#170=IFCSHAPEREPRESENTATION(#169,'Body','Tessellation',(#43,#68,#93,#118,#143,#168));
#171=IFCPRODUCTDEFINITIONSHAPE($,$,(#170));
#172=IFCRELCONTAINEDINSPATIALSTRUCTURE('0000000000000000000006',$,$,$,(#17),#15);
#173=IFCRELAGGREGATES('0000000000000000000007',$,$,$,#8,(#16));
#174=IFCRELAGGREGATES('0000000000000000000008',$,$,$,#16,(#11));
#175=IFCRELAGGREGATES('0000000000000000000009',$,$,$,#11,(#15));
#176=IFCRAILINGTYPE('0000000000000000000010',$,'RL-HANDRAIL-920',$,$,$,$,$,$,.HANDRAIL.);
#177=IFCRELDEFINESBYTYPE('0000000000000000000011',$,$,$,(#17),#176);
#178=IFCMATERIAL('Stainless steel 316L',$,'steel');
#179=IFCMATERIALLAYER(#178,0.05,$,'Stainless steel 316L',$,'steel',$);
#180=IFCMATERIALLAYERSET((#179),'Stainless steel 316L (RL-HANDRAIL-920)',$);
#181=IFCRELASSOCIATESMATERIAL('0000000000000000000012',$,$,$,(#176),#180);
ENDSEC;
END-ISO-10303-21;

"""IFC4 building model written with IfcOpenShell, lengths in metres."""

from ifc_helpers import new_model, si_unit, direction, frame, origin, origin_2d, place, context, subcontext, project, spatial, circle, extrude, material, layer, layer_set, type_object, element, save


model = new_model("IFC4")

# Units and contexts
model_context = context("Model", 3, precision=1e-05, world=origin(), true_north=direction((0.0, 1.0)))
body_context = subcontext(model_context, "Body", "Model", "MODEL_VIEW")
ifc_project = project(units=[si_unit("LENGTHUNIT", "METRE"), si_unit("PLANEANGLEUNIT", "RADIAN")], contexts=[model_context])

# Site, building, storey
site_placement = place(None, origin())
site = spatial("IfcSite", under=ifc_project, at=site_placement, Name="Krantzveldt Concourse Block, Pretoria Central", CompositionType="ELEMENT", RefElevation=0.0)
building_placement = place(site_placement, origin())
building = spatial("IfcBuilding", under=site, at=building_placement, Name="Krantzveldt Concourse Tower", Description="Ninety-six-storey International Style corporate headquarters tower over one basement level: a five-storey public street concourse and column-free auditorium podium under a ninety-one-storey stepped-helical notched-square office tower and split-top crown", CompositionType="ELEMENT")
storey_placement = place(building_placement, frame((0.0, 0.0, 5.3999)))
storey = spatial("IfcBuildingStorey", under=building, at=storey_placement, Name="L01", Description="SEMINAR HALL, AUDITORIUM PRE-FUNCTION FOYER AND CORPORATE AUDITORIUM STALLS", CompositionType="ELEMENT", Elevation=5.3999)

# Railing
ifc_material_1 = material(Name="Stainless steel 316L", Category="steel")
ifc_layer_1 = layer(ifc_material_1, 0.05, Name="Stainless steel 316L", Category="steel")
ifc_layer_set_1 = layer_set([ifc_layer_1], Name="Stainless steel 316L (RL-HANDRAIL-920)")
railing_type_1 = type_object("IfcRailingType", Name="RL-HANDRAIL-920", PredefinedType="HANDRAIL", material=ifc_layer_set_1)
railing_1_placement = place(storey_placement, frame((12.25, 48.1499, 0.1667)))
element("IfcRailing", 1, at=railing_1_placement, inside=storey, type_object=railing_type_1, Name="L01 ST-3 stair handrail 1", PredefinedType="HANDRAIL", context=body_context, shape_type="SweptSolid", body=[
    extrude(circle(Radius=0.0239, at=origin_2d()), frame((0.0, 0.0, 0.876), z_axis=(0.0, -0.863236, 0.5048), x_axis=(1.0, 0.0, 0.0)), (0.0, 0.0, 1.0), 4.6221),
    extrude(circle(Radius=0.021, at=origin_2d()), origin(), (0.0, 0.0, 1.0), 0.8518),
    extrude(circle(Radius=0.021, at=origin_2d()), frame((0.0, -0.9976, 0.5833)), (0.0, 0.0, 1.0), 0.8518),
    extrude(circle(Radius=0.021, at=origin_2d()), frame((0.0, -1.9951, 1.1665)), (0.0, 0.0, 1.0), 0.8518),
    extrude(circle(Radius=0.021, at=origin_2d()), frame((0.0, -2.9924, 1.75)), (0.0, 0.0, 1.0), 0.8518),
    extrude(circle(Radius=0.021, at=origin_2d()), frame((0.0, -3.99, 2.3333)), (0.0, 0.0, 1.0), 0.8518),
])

━━━━━━

▶ **TASK DIRECTIONS**
Give back all the records above exactly. Keep every word.

▶ **RESPONSE**
#170=IFCSHAPEREPRESENTATION(#169,'Body','Tessellation',(#43,#68,#93,#118,#143,#168));
#171=IFCPRODUCTDEFINITIONSHAPE($,$,(#170));
#172=IFCRELCONTAINEDINSPATIALSTRUCTURE('0000000000000000000006',$,$,$,(#17),#15);
#173=IFCRELAGGREGATES('0000000000000000000007',$,$,$,#8,(#16));
#174=IFCRELAGGREGATES('0000000000000000000008',$,$,$,#16,(#11));
#175=IFCRELAGGREGATES('0000000000000000000009',$,$,$,#11,(#15));
#176=IFCRAILINGTYPE('0000000000000000000010',$,'RL-HANDRAIL-920',$,$,$,$,$,$,.HANDRAIL.);
#177=IFCRELDEFINESBYTYPE('0000000000000000000011',$,$,$,(#17),#176);
#178=IFCMATERIAL('Stainless steel 316L',$,'steel');
#179=IFCMATERIALLAYER(#178,0.05,$,'Stainless steel 316L',$,'steel',$);
#180=IFCMATERIALLAYERSET((#179),'Stainless steel 316L (RL-HANDRAIL-920)',$);
#181=IFCRELASSOCIATESMATERIAL('0000000000000000000012',$,$,$,(#176),#180);
ENDSEC;
END-ISO-10303-21;

"""IFC4 building model written with IfcOpenShell, lengths in metres."""

from ifc_helpers import new_model, si_unit, direction, frame, origin, origin_2d, place, context, subcontext, project, spatial, circle, extrude, material, layer, layer_set, type_object, element, save


model = new_model("IFC4")

# Units and contexts
model_context = context("Model", 3, precision=1e-05, world=origin(), true_north=direction((0.0, 1.0)))
body_context = subcontext(model_context, "Body", "Model", "MODEL_VIEW")
ifc_project = project(units=[si_unit("LENGTHUNIT", "METRE"), si_unit("PLANEANGLEUNIT", "RADIAN")], contexts=[model_context])

# Site, building, storey
site_placement = place(None, origin())
site = spatial("IfcSite", under=ifc_project, at=site_placement, Name="Krantzveldt Concourse Block, Pretoria Central", CompositionType="ELEMENT", RefElevation=0.0)
building_placement = place(site_placement, origin())
building = spatial("IfcBuilding", under=site, at=building_placement, Name="Krantzveldt Concourse Tower", Description="Ninety-six-storey International Style corporate headquarters tower over one basement level: a five-storey public street concourse and column-free auditorium podium under a ninety-one-storey stepped-helical notched-square office tower and split-top crown", CompositionType="ELEMENT")
storey_placement = place(building_placement, frame((0.0, 0.0, 5.3999)))
storey = spatial("IfcBuildingStorey", under=building, at=storey_placement, Name="L01", Description="SEMINAR HALL, AUDITORIUM PRE-FUNCTION FOYER AND CORPORATE AUDITORIUM STALLS", CompositionType="ELEMENT", Elevation=5.3999)

# Railing
ifc_material_1 = material(Name="Stainless steel 316L", Category="steel")
ifc_layer_1 = layer(ifc_material_1, 0.05, Name="Stainless steel 316L", Category="steel")
ifc_layer_set_1 = layer_set([ifc_layer_1], Name="Stainless steel 316L (RL-HANDRAIL-920)")
railing_type_1 = type_object("IfcRailingType", Name="RL-HANDRAIL-920", PredefinedType="HANDRAIL", material=ifc_layer_set_1)
railing_1_placement = place(storey_placement, frame((12.25, 48.1499, 0.1667)))
element("IfcRailing", 1, at=railing_1_placement, inside=storey, type_object=railing_type_1, Name="L01 ST-3 stair handrail 1", PredefinedType="HANDRAIL", context=body_context, shape_type="SweptSolid", body=[
    extrude(circle(Radius=0.0239, at=origin_2d()), frame((0.0, 0.0, 0.876), z_axis=(0.0, -0.863236, 0.5048), x_axis=(1.0, 0.0, 0.0)), (0.0, 0.0, 1.0), 4.6221),
    extrude(circle(Radius=0.021, at=origin_2d()), origin(), (0.0, 0.0, 1.0), 0.8518),
    extrude(circle(Radius=0.021, at=origin_2d()), frame((0.0, -0.9976, 0.5833)), (0.0, 0.0, 1.0), 0.8518),
    extrude(circle(Radius=0.021, at=origin_2d()), frame((0.0, -1.9951, 1.1665)), (0.0, 0.0, 1.0), 0.8518),
    extrude(circle(Radius=0.021, at=origin_2d()), frame((0.0, -2.9924, 1.75)), (0.0, 0.0, 1.0), 0.8518),
    extrude(circle(Radius=0.021, at=origin_2d()), frame((0.0, -3.99, 2.3333)), (0.0, 0.0, 1.0), 0.8518),
])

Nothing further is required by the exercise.